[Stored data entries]
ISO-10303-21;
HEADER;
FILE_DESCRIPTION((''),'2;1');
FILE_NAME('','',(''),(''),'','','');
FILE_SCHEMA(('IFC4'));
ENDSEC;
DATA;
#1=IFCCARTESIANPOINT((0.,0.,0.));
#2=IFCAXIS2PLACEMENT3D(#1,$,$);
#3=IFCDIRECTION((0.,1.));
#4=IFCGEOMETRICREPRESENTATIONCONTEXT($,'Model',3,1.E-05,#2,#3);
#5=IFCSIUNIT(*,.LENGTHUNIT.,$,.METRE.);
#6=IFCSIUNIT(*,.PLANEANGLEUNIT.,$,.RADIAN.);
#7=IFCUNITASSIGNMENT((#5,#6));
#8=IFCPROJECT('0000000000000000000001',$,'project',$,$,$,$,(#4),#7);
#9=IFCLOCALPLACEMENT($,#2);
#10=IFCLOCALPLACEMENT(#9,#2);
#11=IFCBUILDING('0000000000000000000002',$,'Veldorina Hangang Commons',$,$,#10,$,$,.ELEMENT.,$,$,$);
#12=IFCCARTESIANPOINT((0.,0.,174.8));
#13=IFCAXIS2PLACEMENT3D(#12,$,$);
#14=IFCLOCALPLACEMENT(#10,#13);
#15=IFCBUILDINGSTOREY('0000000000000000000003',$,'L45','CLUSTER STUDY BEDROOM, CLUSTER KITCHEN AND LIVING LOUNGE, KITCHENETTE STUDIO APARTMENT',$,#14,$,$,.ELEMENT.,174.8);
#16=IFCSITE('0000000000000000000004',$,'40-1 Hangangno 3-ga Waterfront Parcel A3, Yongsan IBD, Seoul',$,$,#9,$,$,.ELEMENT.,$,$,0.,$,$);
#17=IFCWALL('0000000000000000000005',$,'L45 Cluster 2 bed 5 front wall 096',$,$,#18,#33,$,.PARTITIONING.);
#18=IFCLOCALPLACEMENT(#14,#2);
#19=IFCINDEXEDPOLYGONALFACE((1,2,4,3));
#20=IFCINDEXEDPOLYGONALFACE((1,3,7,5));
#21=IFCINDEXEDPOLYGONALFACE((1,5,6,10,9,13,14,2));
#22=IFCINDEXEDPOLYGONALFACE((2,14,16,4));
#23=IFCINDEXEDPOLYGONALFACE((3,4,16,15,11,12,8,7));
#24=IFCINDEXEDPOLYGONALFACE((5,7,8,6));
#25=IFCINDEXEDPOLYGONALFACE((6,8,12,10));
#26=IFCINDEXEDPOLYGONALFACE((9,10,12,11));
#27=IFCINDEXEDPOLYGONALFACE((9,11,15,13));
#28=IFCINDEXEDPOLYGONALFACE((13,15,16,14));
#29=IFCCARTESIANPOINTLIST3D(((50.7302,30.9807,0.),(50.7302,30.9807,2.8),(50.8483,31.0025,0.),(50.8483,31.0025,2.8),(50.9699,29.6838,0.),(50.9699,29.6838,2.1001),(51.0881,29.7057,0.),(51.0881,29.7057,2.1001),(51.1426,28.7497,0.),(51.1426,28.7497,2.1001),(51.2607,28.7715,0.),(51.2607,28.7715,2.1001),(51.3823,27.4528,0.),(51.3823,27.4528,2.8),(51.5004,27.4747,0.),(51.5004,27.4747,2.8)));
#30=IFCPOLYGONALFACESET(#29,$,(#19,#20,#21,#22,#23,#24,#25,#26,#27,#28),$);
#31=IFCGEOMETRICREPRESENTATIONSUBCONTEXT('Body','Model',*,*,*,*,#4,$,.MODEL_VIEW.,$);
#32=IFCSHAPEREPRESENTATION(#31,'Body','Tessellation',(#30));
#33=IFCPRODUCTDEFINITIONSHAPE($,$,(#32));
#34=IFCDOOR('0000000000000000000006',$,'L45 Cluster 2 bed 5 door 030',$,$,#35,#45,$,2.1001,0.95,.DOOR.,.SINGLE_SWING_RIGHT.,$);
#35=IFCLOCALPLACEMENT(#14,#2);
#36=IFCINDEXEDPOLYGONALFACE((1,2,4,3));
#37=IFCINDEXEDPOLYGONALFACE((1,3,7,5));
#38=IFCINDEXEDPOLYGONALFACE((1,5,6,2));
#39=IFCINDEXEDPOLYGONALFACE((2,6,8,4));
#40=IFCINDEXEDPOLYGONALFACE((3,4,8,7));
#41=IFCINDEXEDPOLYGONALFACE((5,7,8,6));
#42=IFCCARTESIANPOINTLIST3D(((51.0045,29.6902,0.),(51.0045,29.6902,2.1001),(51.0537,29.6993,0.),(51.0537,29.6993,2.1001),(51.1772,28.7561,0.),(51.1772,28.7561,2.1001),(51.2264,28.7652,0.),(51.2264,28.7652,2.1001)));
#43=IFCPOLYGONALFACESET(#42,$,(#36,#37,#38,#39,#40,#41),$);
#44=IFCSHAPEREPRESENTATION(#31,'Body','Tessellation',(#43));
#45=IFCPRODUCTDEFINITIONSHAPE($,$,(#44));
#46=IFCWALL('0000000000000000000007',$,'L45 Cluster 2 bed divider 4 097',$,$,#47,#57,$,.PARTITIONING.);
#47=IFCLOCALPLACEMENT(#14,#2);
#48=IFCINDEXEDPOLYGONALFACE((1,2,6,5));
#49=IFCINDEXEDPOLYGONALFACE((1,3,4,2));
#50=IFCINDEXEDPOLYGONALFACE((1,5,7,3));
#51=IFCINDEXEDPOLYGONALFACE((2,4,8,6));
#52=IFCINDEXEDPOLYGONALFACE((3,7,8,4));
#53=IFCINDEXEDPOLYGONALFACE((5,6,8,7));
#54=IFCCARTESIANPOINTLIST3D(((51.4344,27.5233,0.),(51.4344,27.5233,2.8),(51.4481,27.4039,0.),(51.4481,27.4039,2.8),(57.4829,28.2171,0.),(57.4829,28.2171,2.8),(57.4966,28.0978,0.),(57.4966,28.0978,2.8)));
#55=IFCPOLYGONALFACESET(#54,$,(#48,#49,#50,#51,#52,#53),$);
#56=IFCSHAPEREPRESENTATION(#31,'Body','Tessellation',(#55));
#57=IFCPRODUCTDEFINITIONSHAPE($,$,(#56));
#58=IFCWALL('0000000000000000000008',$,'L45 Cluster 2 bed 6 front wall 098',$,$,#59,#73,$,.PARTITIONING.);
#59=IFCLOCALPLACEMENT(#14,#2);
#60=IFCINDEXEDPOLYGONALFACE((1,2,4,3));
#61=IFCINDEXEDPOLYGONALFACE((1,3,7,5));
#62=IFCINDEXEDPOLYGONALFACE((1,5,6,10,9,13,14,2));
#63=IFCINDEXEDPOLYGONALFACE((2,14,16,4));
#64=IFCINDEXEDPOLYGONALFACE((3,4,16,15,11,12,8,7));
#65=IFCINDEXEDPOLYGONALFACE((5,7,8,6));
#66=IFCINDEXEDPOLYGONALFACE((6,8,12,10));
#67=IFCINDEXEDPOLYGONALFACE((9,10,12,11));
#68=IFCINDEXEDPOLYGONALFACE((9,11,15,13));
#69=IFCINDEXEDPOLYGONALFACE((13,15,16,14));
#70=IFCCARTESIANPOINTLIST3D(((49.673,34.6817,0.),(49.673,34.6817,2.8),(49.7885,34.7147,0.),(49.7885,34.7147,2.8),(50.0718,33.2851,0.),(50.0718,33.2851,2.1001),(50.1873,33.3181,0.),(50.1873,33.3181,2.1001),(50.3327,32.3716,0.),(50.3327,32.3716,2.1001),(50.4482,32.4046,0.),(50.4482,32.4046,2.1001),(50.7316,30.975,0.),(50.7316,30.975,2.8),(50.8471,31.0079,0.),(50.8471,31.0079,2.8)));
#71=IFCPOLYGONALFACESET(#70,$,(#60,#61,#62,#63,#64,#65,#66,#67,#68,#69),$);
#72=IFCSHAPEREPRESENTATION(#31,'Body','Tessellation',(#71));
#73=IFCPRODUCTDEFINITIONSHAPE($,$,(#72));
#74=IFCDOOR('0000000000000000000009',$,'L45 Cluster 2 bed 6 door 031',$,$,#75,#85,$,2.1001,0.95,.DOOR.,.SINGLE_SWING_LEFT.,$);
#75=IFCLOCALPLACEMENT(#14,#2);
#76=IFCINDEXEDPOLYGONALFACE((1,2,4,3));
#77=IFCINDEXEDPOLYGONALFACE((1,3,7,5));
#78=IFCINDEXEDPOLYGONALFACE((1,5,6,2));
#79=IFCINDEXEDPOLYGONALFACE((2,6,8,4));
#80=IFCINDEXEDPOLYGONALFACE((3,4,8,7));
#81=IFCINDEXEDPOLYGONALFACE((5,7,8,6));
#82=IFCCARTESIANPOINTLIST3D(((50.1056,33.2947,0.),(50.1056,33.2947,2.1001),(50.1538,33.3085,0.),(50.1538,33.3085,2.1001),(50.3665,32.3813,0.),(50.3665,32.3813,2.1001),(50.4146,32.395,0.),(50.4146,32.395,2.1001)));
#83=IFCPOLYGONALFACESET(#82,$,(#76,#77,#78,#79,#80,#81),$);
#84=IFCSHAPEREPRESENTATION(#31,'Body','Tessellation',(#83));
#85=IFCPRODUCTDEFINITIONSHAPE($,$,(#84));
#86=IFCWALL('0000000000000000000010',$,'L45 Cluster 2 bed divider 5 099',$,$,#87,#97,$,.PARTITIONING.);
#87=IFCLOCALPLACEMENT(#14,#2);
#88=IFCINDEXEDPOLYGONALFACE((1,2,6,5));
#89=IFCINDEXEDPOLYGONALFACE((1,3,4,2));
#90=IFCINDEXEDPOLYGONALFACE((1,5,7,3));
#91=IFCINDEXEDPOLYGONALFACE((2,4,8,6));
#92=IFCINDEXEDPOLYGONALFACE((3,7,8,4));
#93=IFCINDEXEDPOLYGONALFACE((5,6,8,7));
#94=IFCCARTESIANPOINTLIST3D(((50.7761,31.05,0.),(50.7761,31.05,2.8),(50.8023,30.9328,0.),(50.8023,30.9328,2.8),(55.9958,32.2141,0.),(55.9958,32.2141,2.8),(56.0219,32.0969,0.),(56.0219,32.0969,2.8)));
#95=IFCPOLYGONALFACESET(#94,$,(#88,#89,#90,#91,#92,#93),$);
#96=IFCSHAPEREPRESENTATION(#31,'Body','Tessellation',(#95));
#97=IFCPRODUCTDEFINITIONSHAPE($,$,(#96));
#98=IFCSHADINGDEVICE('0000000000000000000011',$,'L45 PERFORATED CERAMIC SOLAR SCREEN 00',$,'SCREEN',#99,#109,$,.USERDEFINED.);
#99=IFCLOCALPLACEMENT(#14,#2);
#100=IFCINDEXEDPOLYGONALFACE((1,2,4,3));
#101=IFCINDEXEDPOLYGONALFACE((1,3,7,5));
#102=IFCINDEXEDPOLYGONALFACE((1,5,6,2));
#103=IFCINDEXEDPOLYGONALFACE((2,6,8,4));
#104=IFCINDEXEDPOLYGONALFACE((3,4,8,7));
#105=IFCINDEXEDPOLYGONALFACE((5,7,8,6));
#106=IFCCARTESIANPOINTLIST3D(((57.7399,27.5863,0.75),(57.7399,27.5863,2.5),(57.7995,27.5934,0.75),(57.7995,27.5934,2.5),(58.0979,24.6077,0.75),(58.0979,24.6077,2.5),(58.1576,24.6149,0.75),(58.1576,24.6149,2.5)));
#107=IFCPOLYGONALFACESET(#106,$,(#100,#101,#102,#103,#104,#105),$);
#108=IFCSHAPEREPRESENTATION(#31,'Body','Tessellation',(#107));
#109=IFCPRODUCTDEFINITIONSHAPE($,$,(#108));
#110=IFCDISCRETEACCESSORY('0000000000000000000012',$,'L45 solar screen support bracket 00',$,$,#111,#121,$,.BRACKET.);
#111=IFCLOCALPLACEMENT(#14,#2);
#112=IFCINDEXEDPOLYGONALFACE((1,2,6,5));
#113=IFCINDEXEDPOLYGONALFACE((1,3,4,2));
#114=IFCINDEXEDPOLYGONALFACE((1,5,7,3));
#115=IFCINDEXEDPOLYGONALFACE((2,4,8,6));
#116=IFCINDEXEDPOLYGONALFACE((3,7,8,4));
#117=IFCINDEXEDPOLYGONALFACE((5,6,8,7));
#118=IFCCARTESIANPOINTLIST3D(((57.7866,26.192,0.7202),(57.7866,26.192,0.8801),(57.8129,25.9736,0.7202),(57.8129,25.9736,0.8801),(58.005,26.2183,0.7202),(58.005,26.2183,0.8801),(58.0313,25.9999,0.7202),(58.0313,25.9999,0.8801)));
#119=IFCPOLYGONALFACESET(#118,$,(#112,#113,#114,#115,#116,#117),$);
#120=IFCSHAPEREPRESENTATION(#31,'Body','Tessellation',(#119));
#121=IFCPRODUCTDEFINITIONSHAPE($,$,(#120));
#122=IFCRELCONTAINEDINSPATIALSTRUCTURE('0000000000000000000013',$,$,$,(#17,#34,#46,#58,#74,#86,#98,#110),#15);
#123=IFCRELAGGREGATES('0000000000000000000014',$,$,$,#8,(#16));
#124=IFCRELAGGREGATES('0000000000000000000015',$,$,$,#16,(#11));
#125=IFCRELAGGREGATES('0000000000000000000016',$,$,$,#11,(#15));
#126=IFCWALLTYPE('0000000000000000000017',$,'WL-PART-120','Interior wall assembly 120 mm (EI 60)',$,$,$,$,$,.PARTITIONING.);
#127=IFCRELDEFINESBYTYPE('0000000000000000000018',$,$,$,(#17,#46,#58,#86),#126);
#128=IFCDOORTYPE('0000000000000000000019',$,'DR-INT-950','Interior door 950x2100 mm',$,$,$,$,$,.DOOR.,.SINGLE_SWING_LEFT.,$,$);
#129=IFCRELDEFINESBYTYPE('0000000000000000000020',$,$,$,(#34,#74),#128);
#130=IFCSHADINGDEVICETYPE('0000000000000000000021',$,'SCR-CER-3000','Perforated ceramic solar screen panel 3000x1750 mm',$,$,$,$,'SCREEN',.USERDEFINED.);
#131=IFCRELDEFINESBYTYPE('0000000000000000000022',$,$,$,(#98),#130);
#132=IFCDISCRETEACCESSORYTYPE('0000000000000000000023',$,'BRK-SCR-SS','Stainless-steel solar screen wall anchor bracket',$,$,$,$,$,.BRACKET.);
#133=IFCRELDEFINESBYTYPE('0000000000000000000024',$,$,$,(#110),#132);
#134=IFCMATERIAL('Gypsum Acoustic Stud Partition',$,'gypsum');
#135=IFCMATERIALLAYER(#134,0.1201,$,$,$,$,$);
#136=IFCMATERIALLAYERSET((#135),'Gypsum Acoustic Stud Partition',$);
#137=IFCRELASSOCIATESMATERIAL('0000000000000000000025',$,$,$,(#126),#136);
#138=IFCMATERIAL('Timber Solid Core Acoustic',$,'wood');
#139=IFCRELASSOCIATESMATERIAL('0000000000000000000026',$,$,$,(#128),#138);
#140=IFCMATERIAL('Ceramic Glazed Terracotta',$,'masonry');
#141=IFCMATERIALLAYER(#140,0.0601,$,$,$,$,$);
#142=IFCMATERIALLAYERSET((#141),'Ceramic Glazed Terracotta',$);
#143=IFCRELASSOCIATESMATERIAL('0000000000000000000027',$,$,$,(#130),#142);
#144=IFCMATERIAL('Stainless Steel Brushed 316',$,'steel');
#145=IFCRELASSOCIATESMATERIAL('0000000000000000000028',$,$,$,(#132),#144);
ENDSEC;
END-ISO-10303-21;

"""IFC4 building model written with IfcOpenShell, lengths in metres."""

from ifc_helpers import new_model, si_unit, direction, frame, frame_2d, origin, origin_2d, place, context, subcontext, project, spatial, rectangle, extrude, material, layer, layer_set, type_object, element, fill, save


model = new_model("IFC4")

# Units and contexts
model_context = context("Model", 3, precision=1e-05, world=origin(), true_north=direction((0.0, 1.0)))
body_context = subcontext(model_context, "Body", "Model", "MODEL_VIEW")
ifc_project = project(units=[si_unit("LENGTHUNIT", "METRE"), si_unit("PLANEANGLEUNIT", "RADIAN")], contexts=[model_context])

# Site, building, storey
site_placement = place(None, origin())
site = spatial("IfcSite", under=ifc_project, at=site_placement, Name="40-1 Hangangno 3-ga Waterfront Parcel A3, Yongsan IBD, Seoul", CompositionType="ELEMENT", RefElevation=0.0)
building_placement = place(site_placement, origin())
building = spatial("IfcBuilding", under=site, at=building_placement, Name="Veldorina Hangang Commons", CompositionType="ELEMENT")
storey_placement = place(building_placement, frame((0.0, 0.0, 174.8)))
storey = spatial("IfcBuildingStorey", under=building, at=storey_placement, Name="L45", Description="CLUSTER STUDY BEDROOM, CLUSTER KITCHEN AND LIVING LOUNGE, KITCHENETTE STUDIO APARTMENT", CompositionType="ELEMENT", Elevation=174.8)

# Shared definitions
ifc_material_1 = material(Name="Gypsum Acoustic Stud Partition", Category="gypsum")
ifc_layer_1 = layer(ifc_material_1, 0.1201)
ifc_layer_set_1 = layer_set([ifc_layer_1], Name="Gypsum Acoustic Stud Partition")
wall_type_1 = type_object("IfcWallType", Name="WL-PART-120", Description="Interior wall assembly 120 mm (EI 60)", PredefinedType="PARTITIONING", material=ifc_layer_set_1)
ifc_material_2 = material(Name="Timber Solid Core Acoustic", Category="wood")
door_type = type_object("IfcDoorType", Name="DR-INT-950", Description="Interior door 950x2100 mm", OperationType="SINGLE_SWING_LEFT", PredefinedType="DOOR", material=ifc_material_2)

▸ What you need to do
Copy out the entries above exactly as given, starting at the top and ending with the line containing "KITCHENETTE STUDIO APARTMENT',$,#14,$,$,.ELEMENT.,174.8);"; include both and nothing more.

▸ Answer section
ISO-10303-21;
HEADER;
FILE_DESCRIPTION((''),'2;1');
FILE_NAME('','',(''),(''),'','','');
FILE_SCHEMA(('IFC4'));
ENDSEC;
DATA;
#1=IFCCARTESIANPOINT((0.,0.,0.));
#2=IFCAXIS2PLACEMENT3D(#1,$,$);
#3=IFCDIRECTION((0.,1.));
#4=IFCGEOMETRICREPRESENTATIONCONTEXT($,'Model',3,1.E-05,#2,#3);
#5=IFCSIUNIT(*,.LENGTHUNIT.,$,.METRE.);
#6=IFCSIUNIT(*,.PLANEANGLEUNIT.,$,.RADIAN.);
#7=IFCUNITASSIGNMENT((#5,#6));
#8=IFCPROJECT('0000000000000000000001',$,'project',$,$,$,$,(#4),#7);
#9=IFCLOCALPLACEMENT($,#2);
#10=IFCLOCALPLACEMENT(#9,#2);
#11=IFCBUILDING('0000000000000000000002',$,'Veldorina Hangang Commons',$,$,#10,$,$,.ELEMENT.,$,$,$);
#12=IFCCARTESIANPOINT((0.,0.,174.8));
#13=IFCAXIS2PLACEMENT3D(#12,$,$);
#14=IFCLOCALPLACEMENT(#10,#13);
#15=IFCBUILDINGSTOREY('0000000000000000000003',$,'L45','CLUSTER STUDY BEDROOM, CLUSTER KITCHEN AND LIVING LOUNGE, KITCHENETTE STUDIO APARTMENT',$,#14,$,$,.ELEMENT.,174.8);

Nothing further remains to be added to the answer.